• _To do_
Each line of the listing that includes the string "direction" needs to be located and copied.
▬▬▬
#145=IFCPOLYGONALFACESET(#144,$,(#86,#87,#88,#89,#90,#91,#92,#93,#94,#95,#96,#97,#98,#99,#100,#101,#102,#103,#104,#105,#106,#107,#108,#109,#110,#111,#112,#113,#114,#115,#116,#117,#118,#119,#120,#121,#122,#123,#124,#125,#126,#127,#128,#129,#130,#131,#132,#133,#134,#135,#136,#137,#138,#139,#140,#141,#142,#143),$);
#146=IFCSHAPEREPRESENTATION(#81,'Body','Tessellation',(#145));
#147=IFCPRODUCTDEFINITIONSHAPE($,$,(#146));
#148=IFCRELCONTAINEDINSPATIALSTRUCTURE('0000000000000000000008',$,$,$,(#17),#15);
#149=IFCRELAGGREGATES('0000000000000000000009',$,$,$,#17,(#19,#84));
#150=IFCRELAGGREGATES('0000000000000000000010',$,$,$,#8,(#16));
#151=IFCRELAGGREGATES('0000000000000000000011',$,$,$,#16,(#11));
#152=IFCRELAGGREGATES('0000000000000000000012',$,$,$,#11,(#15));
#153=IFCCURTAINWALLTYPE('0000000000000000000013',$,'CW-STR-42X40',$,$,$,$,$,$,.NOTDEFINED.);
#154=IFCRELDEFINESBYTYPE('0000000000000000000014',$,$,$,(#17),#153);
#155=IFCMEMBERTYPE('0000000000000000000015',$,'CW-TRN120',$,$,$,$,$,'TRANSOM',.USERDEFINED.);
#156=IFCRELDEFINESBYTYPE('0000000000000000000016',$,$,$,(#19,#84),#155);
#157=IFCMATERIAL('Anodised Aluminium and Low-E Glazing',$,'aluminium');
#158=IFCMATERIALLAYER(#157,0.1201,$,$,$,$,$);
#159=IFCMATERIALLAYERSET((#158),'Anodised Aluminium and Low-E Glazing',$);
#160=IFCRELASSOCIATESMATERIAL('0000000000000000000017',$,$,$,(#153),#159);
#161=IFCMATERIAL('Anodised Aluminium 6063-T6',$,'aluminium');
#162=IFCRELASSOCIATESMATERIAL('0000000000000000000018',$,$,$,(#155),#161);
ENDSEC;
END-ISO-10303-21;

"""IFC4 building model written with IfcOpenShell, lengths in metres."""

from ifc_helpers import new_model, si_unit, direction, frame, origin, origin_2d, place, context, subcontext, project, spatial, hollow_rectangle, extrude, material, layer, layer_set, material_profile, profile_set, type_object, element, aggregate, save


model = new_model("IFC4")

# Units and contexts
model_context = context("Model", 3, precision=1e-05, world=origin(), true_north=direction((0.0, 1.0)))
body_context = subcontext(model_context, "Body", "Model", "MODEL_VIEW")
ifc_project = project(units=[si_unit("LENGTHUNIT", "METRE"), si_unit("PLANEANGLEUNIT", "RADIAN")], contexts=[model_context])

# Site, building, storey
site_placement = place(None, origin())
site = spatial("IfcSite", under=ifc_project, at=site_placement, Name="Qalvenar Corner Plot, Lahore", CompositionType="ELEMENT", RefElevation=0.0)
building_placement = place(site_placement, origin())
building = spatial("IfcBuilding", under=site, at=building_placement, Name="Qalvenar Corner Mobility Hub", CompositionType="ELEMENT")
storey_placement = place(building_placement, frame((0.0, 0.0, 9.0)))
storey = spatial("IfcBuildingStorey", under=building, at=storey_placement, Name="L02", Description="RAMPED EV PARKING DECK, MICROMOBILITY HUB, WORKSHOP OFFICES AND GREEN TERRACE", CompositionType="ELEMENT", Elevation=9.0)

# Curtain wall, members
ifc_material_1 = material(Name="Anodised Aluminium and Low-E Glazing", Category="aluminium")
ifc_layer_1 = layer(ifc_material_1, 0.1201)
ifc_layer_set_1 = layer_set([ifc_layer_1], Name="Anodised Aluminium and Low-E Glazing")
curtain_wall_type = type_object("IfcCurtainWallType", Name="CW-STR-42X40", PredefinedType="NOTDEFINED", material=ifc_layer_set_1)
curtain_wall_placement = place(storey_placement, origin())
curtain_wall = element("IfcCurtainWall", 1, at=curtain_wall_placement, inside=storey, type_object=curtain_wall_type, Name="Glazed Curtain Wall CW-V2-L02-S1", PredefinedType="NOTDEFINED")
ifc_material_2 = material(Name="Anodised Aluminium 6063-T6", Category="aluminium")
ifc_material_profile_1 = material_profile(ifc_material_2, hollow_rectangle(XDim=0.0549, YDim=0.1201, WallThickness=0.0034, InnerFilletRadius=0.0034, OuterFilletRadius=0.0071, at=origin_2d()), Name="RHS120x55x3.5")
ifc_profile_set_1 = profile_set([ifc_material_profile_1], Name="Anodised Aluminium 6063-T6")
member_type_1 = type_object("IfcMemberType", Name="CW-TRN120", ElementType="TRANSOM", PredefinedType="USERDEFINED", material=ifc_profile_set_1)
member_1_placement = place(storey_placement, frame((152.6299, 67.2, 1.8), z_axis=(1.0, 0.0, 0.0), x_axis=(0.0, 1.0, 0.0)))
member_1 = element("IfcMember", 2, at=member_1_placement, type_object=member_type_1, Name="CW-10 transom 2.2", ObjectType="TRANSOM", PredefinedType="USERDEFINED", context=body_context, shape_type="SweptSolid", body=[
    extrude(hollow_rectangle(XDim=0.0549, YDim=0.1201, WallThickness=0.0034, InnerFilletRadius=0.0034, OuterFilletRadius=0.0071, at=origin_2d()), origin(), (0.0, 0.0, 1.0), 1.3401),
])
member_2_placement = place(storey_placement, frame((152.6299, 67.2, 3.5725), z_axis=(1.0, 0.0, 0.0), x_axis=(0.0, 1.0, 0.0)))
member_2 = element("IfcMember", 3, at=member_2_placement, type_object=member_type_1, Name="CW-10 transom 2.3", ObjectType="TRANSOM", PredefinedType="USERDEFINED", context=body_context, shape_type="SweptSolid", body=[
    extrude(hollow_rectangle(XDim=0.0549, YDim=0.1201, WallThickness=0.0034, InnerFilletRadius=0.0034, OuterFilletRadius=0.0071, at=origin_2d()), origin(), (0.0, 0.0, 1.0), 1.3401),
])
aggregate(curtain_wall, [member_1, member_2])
▬▬▬
• _Worked solution_
from ifc_helpers import new_model, si_unit, direction, frame, origin, origin_2d, place, context, subcontext, project, spatial, hollow_rectangle, extrude, material, layer, layer_set, material_profile, profile_set, type_object, element, aggregate, save
model_context = context("Model", 3, precision=1e-05, world=origin(), true_north=direction((0.0, 1.0)))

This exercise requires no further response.